## Work request
Please return the lines of the data below, word for word, from the first line through the line containing "#91=IFCINDEXEDPOLYGONALFACE((39,40,42,41));".

## Data to process
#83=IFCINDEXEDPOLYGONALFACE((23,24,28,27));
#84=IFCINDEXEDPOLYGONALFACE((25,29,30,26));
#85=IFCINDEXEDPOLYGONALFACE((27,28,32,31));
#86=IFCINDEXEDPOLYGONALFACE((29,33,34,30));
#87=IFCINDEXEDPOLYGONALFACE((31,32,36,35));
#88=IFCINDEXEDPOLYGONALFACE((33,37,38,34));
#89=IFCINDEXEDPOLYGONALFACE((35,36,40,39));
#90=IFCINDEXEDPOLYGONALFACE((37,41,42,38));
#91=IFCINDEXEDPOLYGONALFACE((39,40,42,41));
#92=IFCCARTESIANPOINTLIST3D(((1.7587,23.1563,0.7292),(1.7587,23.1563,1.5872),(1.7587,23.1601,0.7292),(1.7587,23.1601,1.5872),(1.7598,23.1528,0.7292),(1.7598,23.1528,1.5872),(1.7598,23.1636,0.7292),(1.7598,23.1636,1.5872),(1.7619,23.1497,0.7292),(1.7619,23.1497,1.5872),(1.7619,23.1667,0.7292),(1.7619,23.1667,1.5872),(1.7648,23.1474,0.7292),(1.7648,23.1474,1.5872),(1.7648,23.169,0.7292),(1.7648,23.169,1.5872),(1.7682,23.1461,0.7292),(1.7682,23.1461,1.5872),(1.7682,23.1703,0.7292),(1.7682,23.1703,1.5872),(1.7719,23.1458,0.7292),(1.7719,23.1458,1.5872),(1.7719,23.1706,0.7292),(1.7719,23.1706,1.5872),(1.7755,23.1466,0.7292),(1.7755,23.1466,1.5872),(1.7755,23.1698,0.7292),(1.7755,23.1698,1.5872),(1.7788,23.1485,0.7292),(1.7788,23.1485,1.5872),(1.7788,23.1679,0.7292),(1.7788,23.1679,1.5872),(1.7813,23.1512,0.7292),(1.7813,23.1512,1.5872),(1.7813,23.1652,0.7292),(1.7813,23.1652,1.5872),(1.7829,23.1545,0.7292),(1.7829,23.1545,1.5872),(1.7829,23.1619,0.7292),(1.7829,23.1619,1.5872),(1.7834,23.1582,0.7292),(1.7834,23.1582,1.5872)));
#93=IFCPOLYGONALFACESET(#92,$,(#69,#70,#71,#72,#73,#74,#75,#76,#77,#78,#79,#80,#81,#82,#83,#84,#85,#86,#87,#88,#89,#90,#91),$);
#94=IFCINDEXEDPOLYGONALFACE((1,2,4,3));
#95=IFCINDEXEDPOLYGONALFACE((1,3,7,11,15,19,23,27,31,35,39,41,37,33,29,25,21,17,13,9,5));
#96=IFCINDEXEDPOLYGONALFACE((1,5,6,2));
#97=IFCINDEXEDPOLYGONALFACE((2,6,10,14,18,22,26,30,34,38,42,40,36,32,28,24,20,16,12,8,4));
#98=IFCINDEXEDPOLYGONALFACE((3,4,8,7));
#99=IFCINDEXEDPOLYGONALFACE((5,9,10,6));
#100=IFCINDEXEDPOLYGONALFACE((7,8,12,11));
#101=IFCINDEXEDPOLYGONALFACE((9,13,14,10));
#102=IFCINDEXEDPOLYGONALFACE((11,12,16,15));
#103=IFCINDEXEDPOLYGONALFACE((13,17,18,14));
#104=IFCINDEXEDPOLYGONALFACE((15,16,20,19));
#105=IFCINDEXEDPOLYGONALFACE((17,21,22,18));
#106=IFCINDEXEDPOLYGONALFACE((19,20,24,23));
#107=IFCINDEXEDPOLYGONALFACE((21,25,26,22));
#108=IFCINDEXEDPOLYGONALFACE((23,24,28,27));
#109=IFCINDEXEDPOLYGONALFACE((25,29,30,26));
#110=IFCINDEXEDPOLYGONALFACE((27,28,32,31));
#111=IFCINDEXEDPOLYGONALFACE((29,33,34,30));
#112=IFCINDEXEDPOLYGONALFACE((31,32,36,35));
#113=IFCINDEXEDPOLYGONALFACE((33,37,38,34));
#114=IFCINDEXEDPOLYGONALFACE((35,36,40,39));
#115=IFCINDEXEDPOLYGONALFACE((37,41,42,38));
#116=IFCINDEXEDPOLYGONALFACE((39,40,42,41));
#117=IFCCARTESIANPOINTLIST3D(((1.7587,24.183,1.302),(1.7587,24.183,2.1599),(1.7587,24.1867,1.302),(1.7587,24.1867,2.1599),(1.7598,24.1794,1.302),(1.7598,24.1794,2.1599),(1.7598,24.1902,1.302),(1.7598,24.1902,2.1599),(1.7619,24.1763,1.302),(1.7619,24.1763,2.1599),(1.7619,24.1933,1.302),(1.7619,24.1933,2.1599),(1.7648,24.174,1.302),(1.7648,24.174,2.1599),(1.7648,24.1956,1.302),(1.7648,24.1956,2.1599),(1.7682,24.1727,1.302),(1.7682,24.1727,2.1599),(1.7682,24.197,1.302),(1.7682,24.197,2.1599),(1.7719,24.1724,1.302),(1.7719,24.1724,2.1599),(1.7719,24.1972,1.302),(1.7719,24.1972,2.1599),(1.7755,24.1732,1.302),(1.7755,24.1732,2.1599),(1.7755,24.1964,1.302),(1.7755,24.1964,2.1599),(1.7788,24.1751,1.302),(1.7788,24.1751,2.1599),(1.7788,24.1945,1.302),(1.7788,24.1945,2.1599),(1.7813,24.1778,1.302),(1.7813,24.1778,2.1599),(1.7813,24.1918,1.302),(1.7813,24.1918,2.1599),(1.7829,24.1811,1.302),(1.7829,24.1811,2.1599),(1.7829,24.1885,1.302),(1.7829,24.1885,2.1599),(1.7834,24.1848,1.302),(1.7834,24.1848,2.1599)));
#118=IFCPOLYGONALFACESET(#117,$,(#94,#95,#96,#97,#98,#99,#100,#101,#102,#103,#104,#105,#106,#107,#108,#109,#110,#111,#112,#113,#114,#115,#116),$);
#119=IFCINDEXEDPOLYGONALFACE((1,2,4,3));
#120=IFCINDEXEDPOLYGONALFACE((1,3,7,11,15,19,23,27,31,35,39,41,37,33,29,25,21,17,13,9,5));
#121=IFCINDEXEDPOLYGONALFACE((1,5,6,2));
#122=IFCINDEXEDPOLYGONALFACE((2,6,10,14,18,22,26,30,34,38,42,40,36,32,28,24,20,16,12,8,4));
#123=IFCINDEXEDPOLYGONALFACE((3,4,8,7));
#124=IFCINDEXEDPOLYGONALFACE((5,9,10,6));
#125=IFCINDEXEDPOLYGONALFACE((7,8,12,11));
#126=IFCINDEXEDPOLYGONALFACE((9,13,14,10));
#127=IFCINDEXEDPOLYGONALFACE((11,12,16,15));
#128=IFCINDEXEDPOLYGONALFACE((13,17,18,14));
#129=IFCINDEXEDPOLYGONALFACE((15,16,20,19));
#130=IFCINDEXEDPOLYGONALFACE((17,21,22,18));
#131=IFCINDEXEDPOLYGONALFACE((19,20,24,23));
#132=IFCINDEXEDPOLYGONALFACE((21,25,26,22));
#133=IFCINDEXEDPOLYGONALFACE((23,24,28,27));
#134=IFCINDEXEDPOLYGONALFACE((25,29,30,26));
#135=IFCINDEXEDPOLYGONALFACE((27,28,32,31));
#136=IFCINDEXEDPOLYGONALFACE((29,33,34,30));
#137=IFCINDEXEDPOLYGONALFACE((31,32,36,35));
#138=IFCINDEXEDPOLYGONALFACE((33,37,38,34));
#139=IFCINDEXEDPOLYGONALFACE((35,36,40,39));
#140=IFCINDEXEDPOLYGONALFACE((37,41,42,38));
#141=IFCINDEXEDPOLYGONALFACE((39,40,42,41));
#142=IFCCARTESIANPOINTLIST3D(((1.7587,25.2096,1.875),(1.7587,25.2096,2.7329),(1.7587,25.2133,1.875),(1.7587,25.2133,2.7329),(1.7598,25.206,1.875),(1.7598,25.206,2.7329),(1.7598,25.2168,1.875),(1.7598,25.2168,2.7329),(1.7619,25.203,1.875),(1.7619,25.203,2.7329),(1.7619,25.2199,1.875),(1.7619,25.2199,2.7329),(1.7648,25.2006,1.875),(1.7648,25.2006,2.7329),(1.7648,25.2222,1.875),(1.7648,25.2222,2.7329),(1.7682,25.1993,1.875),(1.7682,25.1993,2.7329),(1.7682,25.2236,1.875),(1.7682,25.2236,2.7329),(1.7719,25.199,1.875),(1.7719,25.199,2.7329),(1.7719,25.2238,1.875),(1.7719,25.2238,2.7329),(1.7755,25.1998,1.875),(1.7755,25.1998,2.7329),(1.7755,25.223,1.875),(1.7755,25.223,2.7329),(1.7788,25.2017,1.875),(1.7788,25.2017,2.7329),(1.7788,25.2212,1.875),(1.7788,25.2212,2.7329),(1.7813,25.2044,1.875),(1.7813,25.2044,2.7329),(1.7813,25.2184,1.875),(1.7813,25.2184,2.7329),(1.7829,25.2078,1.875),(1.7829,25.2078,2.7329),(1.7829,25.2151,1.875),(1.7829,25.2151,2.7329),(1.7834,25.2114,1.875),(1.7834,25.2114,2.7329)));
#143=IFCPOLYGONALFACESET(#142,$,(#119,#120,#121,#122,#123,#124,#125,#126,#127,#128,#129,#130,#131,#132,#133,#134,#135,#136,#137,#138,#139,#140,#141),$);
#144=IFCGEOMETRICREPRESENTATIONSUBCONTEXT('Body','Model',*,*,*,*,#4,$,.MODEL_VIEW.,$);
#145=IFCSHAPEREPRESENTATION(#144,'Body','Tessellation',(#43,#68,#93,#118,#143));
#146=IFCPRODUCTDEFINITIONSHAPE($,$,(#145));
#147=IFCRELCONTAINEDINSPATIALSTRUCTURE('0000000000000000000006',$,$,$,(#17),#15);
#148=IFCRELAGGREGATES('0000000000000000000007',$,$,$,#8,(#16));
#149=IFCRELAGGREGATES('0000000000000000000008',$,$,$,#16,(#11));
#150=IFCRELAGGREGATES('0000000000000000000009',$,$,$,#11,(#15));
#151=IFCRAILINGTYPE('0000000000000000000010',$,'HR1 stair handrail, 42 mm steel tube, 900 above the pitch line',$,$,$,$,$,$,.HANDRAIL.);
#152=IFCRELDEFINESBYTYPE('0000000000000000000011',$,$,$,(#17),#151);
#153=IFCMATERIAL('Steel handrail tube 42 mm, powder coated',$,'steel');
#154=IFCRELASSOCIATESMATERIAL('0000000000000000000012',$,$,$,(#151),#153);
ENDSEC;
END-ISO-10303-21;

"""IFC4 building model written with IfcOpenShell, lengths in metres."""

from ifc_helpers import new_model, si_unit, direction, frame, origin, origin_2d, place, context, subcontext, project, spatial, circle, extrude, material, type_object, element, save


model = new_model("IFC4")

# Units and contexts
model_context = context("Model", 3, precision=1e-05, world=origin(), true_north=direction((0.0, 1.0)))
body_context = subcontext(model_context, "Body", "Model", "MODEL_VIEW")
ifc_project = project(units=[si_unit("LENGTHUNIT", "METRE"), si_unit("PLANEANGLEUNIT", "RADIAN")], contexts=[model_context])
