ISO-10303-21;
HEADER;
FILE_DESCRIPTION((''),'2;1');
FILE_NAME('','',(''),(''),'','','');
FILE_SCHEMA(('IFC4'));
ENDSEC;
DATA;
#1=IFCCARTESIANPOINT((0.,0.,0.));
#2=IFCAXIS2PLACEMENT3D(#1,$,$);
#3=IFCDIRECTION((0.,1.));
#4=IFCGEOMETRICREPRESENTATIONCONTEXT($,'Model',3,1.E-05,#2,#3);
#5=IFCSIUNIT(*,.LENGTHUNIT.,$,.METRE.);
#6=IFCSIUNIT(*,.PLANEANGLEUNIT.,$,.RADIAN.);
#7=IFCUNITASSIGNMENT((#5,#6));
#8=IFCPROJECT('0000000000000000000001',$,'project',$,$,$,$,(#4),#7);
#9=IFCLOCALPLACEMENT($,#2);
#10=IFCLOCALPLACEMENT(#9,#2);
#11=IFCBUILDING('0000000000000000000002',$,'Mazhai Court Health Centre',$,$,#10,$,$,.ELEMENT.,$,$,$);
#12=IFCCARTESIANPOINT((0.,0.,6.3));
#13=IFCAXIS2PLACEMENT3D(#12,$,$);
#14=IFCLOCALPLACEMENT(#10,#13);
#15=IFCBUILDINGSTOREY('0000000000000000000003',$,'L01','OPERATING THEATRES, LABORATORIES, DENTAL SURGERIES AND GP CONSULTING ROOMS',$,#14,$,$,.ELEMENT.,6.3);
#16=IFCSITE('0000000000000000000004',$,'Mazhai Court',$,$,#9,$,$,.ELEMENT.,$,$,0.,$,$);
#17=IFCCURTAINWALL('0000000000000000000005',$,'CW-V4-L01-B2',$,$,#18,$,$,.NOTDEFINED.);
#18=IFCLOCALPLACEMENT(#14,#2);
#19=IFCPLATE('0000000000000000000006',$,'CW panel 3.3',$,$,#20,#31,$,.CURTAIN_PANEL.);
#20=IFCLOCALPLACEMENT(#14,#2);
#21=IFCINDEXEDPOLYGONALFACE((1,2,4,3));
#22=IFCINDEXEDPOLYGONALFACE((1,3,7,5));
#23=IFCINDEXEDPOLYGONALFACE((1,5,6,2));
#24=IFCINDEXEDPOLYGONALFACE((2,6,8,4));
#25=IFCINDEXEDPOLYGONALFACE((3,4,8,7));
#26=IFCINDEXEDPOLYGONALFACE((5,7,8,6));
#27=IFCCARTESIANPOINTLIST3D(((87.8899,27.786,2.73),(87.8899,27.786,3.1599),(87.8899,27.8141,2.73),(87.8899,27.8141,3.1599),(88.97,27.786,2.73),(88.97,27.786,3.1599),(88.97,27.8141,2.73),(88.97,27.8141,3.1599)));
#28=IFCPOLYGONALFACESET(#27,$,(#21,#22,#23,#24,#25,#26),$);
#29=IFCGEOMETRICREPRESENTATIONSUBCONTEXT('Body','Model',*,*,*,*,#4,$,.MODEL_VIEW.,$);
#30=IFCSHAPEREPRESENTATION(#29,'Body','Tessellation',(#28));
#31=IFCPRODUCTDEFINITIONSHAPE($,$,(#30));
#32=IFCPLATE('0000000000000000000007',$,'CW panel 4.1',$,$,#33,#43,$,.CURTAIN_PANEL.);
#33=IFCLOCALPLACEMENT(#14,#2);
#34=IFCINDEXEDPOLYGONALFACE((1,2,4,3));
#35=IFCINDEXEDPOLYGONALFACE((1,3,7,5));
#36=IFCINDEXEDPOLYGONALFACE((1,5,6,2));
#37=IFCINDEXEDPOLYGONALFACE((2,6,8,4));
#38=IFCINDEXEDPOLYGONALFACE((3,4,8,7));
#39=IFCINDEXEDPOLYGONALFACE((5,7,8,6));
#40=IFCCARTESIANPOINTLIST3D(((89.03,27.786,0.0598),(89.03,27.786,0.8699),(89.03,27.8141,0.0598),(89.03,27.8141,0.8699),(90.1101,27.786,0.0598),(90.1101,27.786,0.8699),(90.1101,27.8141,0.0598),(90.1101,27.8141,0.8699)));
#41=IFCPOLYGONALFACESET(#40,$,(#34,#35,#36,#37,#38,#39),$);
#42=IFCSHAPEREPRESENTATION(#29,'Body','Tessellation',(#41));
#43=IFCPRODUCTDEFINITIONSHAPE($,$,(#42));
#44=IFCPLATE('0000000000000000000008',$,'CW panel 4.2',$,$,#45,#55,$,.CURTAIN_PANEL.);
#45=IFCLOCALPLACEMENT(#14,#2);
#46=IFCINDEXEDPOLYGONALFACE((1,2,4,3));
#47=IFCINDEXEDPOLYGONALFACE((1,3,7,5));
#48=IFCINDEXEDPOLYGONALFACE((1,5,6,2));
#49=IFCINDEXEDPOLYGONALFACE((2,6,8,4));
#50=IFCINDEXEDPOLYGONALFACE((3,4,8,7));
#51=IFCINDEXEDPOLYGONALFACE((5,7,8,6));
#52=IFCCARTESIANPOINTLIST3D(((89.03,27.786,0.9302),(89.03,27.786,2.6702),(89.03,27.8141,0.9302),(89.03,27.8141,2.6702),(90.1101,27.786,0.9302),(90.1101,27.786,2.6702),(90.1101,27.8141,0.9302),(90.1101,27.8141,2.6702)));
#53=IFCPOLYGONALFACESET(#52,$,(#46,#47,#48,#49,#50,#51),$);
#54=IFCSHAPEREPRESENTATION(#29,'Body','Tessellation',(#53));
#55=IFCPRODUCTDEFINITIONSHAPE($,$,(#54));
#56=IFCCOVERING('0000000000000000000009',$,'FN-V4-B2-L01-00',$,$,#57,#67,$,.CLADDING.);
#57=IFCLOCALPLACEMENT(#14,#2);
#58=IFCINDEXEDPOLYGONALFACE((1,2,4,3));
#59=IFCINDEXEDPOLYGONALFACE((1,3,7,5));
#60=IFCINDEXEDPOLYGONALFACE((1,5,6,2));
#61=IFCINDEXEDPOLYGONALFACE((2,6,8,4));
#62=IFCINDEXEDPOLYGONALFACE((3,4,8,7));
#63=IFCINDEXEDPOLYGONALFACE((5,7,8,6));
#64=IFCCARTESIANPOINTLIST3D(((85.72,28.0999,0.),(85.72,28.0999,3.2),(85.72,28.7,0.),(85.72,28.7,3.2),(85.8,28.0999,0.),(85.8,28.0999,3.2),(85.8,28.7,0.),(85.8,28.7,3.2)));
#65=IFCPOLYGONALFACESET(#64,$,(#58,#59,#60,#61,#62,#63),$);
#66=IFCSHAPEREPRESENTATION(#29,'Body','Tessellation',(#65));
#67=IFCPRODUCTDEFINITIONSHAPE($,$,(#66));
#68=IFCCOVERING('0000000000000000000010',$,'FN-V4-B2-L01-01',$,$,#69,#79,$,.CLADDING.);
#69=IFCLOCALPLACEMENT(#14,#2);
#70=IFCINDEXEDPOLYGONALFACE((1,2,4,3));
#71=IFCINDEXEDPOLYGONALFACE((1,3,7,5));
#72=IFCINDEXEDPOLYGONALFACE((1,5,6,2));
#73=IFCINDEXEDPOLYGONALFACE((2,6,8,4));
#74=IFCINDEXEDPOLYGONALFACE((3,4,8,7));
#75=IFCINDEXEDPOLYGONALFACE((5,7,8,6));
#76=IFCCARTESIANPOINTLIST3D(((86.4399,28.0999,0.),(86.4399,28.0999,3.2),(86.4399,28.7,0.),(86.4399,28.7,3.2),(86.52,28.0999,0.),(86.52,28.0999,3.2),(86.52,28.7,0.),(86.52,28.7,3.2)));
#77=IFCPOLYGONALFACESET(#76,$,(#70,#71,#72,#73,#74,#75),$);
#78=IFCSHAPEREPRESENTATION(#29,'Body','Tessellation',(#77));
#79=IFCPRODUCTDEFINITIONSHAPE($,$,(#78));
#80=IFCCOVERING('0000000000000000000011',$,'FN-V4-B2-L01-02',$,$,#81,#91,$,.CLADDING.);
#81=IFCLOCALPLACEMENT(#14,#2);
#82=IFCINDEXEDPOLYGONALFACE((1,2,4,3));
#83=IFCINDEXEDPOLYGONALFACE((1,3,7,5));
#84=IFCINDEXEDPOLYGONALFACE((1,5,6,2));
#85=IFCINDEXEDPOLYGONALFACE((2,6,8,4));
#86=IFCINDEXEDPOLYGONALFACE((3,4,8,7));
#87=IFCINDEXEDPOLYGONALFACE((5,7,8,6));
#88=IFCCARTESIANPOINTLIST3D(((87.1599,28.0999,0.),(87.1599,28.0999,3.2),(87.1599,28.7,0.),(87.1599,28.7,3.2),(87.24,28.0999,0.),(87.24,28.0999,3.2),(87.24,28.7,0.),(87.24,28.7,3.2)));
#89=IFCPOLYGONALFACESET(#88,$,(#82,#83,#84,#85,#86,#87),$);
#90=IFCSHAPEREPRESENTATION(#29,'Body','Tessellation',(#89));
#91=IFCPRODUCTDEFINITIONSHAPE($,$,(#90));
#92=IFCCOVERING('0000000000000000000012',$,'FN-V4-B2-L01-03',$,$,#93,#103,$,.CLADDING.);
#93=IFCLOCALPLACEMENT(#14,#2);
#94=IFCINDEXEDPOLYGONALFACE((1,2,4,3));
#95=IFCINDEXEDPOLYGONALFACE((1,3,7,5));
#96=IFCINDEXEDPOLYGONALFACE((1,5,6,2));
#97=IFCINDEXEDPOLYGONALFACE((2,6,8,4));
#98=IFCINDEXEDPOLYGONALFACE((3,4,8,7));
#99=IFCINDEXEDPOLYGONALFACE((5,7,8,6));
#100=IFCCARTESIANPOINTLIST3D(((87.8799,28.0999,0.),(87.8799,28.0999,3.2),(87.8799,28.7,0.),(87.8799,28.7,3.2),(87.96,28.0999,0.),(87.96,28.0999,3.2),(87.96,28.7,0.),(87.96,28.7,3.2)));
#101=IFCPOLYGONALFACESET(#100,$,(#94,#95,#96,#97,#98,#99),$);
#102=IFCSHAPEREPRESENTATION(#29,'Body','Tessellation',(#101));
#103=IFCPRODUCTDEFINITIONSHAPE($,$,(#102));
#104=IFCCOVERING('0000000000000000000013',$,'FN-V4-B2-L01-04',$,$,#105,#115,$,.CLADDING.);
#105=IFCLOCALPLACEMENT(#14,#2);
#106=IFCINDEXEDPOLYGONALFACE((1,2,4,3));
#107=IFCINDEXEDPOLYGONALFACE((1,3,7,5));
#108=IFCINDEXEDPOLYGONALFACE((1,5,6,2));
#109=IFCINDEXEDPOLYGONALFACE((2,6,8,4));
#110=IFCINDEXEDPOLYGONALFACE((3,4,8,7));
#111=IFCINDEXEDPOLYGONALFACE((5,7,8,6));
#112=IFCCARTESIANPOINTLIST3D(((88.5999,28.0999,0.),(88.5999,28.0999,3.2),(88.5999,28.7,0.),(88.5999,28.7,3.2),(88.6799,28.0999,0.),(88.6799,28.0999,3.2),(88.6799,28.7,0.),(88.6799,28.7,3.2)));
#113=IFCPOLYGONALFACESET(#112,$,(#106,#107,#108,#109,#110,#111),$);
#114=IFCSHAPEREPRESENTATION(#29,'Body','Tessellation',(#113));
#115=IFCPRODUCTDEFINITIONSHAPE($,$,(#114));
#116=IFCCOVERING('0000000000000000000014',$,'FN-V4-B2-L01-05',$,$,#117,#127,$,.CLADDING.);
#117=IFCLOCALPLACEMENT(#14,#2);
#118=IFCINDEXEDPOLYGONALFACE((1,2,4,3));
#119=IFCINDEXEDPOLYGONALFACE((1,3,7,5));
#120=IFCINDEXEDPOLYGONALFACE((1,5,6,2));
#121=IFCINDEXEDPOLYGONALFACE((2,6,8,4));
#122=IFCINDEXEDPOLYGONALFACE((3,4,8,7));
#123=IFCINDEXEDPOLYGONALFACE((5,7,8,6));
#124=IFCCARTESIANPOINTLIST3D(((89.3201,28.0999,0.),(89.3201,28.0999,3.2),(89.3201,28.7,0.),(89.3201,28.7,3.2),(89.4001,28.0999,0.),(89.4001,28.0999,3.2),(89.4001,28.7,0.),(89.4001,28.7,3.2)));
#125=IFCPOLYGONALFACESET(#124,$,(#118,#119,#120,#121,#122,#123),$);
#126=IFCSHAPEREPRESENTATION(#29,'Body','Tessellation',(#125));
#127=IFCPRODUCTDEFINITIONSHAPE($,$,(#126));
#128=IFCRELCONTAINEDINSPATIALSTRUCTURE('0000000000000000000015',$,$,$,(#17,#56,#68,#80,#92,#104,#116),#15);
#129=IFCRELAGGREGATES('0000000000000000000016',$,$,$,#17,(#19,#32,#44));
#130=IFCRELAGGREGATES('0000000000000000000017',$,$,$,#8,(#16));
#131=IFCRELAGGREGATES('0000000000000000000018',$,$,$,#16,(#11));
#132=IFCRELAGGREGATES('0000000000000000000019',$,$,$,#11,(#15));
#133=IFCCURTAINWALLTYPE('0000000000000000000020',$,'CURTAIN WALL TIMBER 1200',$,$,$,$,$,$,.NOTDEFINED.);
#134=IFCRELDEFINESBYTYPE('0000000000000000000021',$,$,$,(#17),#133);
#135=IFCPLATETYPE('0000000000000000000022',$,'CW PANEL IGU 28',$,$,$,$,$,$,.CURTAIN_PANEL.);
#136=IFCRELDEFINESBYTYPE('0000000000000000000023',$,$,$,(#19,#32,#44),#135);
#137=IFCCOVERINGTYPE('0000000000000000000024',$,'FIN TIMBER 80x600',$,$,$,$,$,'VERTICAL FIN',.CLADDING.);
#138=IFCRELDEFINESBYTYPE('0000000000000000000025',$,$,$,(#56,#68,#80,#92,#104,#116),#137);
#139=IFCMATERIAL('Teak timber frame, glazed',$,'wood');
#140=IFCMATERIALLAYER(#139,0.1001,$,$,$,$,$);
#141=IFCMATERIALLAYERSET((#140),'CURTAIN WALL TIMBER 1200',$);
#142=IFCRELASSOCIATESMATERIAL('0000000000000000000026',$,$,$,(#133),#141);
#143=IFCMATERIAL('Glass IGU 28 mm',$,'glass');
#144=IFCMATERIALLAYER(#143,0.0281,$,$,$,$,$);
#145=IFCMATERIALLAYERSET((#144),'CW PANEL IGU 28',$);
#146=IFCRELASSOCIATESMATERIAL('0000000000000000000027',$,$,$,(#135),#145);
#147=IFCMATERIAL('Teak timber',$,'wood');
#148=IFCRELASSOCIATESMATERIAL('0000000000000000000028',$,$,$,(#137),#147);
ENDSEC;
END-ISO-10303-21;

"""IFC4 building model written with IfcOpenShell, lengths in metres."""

from ifc_helpers import new_model, si_unit, direction, frame, origin, origin_2d, place, context, subcontext, project, spatial, rectangle, extrude, material, layer, layer_set, type_object, element, aggregate, save


model = new_model("IFC4")

# Units and contexts
model_context = context("Model", 3, precision=1e-05, world=origin(), true_north=direction((0.0, 1.0)))
body_context = subcontext(model_context, "Body", "Model", "MODEL_VIEW")
ifc_project = project(units=[si_unit("LENGTHUNIT", "METRE"), si_unit("PLANEANGLEUNIT", "RADIAN")], contexts=[model_context])

# Site, building, storey
site_placement = place(None, origin())
site = spatial("IfcSite", under=ifc_project, at=site_placement, Name="Mazhai Court", CompositionType="ELEMENT", RefElevation=0.0)
building_placement = place(site_placement, origin())
building = spatial("IfcBuilding", under=site, at=building_placement, Name="Mazhai Court Health Centre", CompositionType="ELEMENT")
storey_placement = place(building_placement, frame((0.0, 0.0, 6.3)))
storey = spatial("IfcBuildingStorey", under=building, at=storey_placement, Name="L01", Description="OPERATING THEATRES, LABORATORIES, DENTAL SURGERIES AND GP CONSULTING ROOMS", CompositionType="ELEMENT", Elevation=6.3)

# Curtain wall, plates
ifc_material_1 = material(Name="Teak timber frame, glazed", Category="wood")
ifc_layer_1 = layer(ifc_material_1, 0.1001)
ifc_layer_set_1 = layer_set([ifc_layer_1], Name="CURTAIN WALL TIMBER 1200")
curtain_wall_type = type_object("IfcCurtainWallType", Name="CURTAIN WALL TIMBER 1200", PredefinedType="NOTDEFINED", material=ifc_layer_set_1)
curtain_wall_placement = place(storey_placement, origin())
curtain_wall = element("IfcCurtainWall", 1, at=curtain_wall_placement, inside=storey, type_object=curtain_wall_type, Name="CW-V4-L01-B2", PredefinedType="NOTDEFINED")
ifc_material_2 = material(Name="Glass IGU 28 mm", Category="glass")
ifc_layer_2 = layer(ifc_material_2, 0.0281)
ifc_layer_set_2 = layer_set([ifc_layer_2], Name="CW PANEL IGU 28")
plate_type = type_object("IfcPlateType", Name="CW PANEL IGU 28", PredefinedType="CURTAIN_PANEL", material=ifc_layer_set_2)
plate_1_placement = place(storey_placement, frame((88.4299, 27.8, 2.73), z_axis=(0.0, 0.0, 1.0), x_axis=(1.0, 0.0, 0.0)))
plate_1 = element("IfcPlate", 2, at=plate_1_placement, type_object=plate_type, Name="CW panel 3.3", PredefinedType="CURTAIN_PANEL", context=body_context, shape_type="SweptSolid", body=[
    extrude(rectangle(XDim=1.0801, YDim=0.0281, at=origin_2d()), origin(), (0.0, 0.0, 1.0), 0.4299),
])
plate_2_placement = place(storey_placement, frame((89.5701, 27.8, 0.0598), z_axis=(0.0, 0.0, 1.0), x_axis=(1.0, 0.0, 0.0)))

## Response
#83=IFCINDEXEDPOLYGONALFACE((23,24,28,27));
#84=IFCINDEXEDPOLYGONALFACE((25,29,30,26));
#85=IFCINDEXEDPOLYGONALFACE((27,28,32,31));
#86=IFCINDEXEDPOLYGONALFACE((29,33,34,30));
#87=IFCINDEXEDPOLYGONALFACE((31,32,36,35));
#88=IFCINDEXEDPOLYGONALFACE((33,37,38,34));
#89=IFCINDEXEDPOLYGONALFACE((35,36,40,39));
#90=IFCINDEXEDPOLYGONALFACE((37,41,42,38));
#91=IFCINDEXEDPOLYGONALFACE((39,40,42,41));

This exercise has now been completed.